**DIRECTIONS:**
Show every line of the data that contains the string "SOLIDWALL".
+-------+
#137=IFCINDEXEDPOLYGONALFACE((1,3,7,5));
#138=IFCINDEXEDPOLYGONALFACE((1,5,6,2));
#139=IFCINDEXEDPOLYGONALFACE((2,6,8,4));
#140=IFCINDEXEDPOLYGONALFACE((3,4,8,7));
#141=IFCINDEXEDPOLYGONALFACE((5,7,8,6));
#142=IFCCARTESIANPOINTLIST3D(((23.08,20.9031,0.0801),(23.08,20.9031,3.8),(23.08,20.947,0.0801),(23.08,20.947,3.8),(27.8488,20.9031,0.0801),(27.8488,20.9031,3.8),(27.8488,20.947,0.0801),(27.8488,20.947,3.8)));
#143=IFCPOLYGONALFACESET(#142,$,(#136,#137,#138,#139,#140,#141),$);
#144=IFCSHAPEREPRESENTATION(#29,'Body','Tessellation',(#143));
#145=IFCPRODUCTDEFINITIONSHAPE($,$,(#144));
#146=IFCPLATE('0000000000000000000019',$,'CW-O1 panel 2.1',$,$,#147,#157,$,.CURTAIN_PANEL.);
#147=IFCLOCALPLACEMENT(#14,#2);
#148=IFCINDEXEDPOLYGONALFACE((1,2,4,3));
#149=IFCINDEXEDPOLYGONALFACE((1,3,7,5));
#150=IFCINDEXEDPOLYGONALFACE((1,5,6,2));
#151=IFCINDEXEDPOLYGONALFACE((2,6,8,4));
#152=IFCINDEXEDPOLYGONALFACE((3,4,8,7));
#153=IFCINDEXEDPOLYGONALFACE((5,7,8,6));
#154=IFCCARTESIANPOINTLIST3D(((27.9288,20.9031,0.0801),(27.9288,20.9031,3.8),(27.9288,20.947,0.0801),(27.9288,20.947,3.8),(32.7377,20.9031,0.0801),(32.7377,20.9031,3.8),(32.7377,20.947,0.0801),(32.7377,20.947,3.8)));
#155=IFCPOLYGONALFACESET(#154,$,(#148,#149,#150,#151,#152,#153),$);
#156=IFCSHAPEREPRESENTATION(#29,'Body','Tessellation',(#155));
+-------+
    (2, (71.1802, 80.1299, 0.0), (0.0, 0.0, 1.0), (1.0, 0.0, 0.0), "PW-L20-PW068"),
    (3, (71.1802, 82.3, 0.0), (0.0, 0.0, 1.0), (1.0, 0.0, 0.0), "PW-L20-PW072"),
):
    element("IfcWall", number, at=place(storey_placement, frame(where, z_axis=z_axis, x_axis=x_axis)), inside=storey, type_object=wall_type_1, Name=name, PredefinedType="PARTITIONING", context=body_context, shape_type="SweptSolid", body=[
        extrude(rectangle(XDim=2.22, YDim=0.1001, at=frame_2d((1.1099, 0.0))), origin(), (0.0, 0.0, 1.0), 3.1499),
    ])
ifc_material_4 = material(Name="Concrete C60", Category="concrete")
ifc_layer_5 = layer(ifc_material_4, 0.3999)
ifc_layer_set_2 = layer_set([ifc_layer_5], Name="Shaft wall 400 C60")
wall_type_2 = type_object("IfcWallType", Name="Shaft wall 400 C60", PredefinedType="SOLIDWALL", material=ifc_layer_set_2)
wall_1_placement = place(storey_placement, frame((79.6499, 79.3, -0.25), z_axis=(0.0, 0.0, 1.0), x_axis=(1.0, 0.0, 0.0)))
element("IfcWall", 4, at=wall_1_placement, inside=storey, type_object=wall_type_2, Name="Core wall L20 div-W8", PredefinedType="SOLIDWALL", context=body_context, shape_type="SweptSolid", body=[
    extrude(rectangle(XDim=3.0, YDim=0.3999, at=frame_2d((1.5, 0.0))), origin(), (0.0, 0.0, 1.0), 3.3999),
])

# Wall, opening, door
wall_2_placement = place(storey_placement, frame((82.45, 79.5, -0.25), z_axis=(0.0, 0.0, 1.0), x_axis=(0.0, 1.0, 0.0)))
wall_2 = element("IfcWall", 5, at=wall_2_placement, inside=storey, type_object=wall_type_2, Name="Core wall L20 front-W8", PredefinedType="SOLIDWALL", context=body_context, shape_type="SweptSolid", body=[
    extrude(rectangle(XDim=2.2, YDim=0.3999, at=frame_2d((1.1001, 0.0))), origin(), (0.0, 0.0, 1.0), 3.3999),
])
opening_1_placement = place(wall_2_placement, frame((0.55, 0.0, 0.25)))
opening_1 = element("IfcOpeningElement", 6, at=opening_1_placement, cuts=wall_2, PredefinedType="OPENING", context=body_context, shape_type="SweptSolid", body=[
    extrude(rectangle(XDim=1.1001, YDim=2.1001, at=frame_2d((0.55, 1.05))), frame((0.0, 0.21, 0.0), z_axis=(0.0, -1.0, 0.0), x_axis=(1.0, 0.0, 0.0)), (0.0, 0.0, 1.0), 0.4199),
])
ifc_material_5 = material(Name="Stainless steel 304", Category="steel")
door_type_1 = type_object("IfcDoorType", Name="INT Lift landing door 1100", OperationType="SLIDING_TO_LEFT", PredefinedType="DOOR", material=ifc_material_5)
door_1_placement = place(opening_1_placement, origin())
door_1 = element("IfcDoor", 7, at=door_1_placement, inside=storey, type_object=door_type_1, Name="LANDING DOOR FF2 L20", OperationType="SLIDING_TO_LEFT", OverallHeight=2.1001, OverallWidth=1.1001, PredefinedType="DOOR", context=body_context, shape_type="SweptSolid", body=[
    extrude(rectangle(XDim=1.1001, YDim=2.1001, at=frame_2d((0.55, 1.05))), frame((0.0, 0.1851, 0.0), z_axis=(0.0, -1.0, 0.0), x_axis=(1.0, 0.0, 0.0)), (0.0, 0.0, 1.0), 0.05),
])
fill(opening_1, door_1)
+-------+
**ANSWER SPACE:**
wall_type_2 = type_object("IfcWallType", Name="Shaft wall 400 C60", PredefinedType="SOLIDWALL", material=ifc_layer_set_2)
element("IfcWall", 4, at=wall_1_placement, inside=storey, type_object=wall_type_2, Name="Core wall L20 div-W8", PredefinedType="SOLIDWALL", context=body_context, shape_type="SweptSolid", body=[
wall_2 = element("IfcWall", 5, at=wall_2_placement, inside=storey, type_object=wall_type_2, Name="Core wall L20 front-W8", PredefinedType="SOLIDWALL", context=body_context, shape_type="SweptSolid", body=[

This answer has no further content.